INFORMATION SUPPLIED

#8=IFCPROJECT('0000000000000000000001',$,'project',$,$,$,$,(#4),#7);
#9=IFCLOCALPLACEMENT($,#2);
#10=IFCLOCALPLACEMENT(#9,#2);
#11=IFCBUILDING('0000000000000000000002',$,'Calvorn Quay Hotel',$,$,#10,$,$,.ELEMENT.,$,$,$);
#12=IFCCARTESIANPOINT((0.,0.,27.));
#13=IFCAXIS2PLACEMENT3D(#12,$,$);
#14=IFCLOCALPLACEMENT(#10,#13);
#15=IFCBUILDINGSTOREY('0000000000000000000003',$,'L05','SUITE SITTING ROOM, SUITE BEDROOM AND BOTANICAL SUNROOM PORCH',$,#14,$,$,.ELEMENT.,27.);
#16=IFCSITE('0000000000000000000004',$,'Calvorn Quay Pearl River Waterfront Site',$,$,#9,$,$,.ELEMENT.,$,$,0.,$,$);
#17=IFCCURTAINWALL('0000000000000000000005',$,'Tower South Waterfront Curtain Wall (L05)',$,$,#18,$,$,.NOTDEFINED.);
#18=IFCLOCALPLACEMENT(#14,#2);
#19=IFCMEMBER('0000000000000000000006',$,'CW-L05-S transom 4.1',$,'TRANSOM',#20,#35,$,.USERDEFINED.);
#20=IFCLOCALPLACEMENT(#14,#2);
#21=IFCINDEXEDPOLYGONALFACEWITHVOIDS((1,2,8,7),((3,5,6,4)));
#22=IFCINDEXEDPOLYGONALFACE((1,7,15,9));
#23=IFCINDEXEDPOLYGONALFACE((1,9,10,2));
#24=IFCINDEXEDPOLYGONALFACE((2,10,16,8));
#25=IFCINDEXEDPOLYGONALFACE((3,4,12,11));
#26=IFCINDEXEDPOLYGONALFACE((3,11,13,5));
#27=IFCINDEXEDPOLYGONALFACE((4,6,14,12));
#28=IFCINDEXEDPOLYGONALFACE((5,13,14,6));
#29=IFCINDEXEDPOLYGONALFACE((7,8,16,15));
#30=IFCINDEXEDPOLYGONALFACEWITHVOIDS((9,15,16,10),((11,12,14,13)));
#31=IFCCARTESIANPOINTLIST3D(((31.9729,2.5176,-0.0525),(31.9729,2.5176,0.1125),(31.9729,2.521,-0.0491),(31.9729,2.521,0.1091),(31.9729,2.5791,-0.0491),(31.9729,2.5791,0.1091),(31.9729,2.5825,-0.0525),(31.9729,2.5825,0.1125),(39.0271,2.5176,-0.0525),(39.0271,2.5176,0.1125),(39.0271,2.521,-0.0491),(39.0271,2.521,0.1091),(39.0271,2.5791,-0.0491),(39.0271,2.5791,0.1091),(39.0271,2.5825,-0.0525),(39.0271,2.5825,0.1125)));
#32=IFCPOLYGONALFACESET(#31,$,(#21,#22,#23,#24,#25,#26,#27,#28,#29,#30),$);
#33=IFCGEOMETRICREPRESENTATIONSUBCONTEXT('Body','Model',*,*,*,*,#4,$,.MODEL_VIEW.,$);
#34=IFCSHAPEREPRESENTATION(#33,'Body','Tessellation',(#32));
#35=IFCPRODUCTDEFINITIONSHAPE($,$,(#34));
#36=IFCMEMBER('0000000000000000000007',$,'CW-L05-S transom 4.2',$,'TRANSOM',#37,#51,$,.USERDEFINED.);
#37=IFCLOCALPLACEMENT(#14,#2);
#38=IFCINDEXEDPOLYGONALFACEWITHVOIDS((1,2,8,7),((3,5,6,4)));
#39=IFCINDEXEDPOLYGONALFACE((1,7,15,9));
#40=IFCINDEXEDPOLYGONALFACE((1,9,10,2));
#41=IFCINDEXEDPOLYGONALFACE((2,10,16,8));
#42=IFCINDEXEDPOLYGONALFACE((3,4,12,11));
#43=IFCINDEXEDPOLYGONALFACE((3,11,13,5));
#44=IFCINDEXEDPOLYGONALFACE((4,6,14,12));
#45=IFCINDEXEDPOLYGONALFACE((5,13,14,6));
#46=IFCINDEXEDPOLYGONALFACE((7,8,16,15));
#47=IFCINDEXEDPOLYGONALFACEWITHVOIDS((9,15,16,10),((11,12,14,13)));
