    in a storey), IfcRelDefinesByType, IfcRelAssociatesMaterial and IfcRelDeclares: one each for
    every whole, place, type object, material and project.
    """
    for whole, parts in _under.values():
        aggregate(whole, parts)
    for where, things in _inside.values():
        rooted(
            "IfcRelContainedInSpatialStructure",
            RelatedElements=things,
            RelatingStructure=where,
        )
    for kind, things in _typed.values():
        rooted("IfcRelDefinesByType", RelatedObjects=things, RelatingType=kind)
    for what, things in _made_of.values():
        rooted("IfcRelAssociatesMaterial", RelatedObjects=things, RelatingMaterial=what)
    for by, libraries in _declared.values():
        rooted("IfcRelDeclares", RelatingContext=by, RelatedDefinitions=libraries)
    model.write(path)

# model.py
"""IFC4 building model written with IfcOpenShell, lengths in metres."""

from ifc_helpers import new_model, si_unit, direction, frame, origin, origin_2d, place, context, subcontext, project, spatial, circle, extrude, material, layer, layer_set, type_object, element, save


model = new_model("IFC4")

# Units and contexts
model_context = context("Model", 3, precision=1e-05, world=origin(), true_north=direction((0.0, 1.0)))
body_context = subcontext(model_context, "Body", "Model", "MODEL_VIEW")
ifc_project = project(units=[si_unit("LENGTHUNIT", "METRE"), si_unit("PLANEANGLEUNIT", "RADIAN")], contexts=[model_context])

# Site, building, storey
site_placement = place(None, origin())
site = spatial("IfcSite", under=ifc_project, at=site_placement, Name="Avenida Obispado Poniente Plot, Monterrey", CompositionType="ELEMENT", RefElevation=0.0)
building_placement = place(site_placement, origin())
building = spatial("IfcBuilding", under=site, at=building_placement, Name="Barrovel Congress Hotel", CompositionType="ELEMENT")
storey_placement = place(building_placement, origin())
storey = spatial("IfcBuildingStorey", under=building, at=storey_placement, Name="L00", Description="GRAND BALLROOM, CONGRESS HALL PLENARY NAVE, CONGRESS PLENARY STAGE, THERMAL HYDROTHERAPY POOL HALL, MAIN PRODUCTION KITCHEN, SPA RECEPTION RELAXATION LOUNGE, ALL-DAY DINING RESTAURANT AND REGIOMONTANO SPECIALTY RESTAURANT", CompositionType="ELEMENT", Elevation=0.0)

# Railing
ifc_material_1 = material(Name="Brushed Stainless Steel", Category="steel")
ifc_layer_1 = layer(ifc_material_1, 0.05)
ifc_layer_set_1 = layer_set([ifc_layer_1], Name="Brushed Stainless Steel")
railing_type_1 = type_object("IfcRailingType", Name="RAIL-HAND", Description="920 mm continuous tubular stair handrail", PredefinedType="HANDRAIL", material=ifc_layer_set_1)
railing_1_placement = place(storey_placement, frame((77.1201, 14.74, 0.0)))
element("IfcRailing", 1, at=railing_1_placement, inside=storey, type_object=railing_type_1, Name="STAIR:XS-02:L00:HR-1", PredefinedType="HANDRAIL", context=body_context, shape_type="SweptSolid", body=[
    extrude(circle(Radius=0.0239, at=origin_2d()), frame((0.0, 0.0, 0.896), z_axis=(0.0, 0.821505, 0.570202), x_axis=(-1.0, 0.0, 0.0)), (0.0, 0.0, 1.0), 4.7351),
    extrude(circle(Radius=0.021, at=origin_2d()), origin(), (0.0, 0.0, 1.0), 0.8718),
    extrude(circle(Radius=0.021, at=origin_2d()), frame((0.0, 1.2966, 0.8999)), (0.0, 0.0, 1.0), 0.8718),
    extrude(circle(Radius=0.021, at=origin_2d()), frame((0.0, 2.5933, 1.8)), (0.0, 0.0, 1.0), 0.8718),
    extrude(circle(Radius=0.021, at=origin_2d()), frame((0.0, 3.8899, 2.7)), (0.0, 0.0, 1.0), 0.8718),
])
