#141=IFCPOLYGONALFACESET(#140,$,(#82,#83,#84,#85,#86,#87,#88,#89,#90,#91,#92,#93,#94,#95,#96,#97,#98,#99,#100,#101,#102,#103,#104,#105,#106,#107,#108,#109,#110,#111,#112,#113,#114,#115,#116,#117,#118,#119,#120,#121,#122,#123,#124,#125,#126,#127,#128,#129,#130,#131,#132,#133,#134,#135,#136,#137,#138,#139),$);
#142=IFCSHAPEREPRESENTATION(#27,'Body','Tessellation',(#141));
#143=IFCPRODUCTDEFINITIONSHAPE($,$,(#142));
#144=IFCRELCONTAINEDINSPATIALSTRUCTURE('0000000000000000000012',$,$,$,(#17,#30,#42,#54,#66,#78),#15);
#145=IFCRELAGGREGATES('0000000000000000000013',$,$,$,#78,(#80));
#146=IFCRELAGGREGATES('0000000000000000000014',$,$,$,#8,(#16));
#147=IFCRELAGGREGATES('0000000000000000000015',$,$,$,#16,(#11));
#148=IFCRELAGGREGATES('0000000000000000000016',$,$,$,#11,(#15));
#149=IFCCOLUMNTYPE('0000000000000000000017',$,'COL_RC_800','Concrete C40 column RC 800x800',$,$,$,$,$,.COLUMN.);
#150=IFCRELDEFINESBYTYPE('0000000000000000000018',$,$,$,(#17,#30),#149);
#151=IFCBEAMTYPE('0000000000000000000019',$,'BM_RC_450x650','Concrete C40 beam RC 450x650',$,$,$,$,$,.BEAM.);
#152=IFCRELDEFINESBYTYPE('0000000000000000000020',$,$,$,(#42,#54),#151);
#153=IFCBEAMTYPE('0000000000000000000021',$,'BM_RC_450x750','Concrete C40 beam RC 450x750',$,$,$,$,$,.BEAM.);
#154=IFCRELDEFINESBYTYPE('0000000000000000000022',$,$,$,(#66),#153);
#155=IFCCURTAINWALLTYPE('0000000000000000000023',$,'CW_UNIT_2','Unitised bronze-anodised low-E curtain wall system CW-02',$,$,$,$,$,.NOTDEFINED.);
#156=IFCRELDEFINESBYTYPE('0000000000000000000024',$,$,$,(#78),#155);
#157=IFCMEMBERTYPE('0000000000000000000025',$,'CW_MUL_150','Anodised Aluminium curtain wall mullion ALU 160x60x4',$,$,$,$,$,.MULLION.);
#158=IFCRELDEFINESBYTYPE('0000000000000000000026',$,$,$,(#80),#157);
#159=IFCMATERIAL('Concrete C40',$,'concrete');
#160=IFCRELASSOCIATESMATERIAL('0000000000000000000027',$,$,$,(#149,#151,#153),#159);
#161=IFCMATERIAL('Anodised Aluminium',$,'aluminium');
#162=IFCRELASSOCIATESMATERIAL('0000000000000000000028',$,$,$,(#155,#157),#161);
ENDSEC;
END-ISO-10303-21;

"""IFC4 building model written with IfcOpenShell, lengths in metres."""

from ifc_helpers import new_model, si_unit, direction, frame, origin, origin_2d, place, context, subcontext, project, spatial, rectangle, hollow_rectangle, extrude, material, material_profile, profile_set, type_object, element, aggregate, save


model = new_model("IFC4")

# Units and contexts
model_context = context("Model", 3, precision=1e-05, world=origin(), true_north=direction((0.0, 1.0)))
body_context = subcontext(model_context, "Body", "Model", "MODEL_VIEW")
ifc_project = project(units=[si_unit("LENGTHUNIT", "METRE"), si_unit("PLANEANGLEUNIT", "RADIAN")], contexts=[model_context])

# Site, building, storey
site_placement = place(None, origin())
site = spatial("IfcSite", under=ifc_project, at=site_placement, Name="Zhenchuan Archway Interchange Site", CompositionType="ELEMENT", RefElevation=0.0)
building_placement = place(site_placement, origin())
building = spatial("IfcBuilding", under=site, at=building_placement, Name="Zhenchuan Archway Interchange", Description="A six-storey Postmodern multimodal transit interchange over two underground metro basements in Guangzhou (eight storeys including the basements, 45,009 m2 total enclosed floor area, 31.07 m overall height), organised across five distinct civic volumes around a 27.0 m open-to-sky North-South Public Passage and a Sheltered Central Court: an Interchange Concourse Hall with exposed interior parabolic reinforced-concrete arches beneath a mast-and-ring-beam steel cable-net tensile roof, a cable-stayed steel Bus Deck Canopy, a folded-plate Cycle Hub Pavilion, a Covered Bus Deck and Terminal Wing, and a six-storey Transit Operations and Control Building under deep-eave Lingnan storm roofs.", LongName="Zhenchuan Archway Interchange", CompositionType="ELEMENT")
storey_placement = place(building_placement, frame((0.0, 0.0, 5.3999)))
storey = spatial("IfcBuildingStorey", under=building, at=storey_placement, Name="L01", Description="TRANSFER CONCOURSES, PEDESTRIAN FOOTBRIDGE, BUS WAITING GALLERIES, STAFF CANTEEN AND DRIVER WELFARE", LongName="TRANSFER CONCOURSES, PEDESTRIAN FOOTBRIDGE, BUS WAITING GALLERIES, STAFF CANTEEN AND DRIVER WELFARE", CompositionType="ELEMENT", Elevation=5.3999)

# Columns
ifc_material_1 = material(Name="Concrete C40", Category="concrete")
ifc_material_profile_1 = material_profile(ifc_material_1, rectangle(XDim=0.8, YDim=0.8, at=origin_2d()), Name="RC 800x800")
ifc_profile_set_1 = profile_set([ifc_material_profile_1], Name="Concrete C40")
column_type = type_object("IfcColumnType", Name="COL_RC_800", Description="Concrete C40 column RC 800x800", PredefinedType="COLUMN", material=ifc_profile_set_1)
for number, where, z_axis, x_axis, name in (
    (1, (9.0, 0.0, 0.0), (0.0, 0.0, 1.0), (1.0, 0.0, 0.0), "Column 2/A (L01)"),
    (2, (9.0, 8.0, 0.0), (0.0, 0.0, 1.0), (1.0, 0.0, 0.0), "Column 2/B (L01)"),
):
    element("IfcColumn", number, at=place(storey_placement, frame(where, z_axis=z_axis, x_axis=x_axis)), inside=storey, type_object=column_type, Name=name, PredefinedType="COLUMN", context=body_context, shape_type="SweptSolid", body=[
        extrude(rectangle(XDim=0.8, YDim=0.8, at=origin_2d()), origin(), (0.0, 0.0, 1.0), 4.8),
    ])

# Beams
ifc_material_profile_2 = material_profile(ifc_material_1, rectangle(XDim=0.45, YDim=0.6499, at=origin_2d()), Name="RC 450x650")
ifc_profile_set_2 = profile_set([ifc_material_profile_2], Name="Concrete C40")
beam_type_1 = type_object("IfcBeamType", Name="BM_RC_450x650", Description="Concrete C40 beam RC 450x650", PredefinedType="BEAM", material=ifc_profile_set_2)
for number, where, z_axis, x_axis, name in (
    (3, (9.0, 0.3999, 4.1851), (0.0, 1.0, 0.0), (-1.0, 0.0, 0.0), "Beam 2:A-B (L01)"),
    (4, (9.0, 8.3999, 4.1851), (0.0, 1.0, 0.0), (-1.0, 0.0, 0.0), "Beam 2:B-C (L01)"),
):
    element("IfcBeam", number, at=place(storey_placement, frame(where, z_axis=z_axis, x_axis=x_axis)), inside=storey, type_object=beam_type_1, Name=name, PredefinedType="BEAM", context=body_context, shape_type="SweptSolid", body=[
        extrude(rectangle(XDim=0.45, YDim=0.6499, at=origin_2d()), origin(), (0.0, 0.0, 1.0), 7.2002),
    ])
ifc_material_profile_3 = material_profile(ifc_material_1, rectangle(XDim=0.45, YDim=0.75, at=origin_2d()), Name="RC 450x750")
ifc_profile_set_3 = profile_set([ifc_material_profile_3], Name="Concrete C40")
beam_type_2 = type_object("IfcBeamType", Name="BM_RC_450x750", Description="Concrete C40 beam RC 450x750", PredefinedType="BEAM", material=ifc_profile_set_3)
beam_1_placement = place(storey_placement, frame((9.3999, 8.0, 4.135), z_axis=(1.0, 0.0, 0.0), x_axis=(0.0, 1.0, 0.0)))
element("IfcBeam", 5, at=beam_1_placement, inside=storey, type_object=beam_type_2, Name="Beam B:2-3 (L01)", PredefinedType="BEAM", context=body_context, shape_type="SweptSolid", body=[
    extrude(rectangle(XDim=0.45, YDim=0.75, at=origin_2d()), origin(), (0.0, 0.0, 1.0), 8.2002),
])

REQUIRED WORK
When you come to the line containing "#35=IFCPRODUCTDEFINITIONSHAPE($,$,(#34));", give it and stop; before that, repeat each line of the material exactly from the first one.

SOLUTION TO THE EXERCISE
#8=IFCPROJECT('0000000000000000000001',$,'project',$,$,$,$,(#4),#7);
#9=IFCLOCALPLACEMENT($,#2);
#10=IFCLOCALPLACEMENT(#9,#2);
#11=IFCBUILDING('0000000000000000000002',$,'Calvorn Quay Hotel',$,$,#10,$,$,.ELEMENT.,$,$,$);
#12=IFCCARTESIANPOINT((0.,0.,27.));
#13=IFCAXIS2PLACEMENT3D(#12,$,$);
#14=IFCLOCALPLACEMENT(#10,#13);
#15=IFCBUILDINGSTOREY('0000000000000000000003',$,'L05','SUITE SITTING ROOM, SUITE BEDROOM AND BOTANICAL SUNROOM PORCH',$,#14,$,$,.ELEMENT.,27.);
#16=IFCSITE('0000000000000000000004',$,'Calvorn Quay Pearl River Waterfront Site',$,$,#9,$,$,.ELEMENT.,$,$,0.,$,$);
#17=IFCCURTAINWALL('0000000000000000000005',$,'Tower South Waterfront Curtain Wall (L05)',$,$,#18,$,$,.NOTDEFINED.);
#18=IFCLOCALPLACEMENT(#14,#2);
#19=IFCMEMBER('0000000000000000000006',$,'CW-L05-S transom 4.1',$,'TRANSOM',#20,#35,$,.USERDEFINED.);
#20=IFCLOCALPLACEMENT(#14,#2);
#21=IFCINDEXEDPOLYGONALFACEWITHVOIDS((1,2,8,7),((3,5,6,4)));
#22=IFCINDEXEDPOLYGONALFACE((1,7,15,9));
#23=IFCINDEXEDPOLYGONALFACE((1,9,10,2));
#24=IFCINDEXEDPOLYGONALFACE((2,10,16,8));
#25=IFCINDEXEDPOLYGONALFACE((3,4,12,11));
#26=IFCINDEXEDPOLYGONALFACE((3,11,13,5));
#27=IFCINDEXEDPOLYGONALFACE((4,6,14,12));
#28=IFCINDEXEDPOLYGONALFACE((5,13,14,6));
#29=IFCINDEXEDPOLYGONALFACE((7,8,16,15));
#30=IFCINDEXEDPOLYGONALFACEWITHVOIDS((9,15,16,10),((11,12,14,13)));
#31=IFCCARTESIANPOINTLIST3D(((31.9729,2.5176,-0.0525),(31.9729,2.5176,0.1125),(31.9729,2.521,-0.0491),(31.9729,2.521,0.1091),(31.9729,2.5791,-0.0491),(31.9729,2.5791,0.1091),(31.9729,2.5825,-0.0525),(31.9729,2.5825,0.1125),(39.0271,2.5176,-0.0525),(39.0271,2.5176,0.1125),(39.0271,2.521,-0.0491),(39.0271,2.521,0.1091),(39.0271,2.5791,-0.0491),(39.0271,2.5791,0.1091),(39.0271,2.5825,-0.0525),(39.0271,2.5825,0.1125)));
#32=IFCPOLYGONALFACESET(#31,$,(#21,#22,#23,#24,#25,#26,#27,#28,#29,#30),$);
#33=IFCGEOMETRICREPRESENTATIONSUBCONTEXT('Body','Model',*,*,*,*,#4,$,.MODEL_VIEW.,$);
#34=IFCSHAPEREPRESENTATION(#33,'Body','Tessellation',(#32));
#35=IFCPRODUCTDEFINITIONSHAPE($,$,(#34));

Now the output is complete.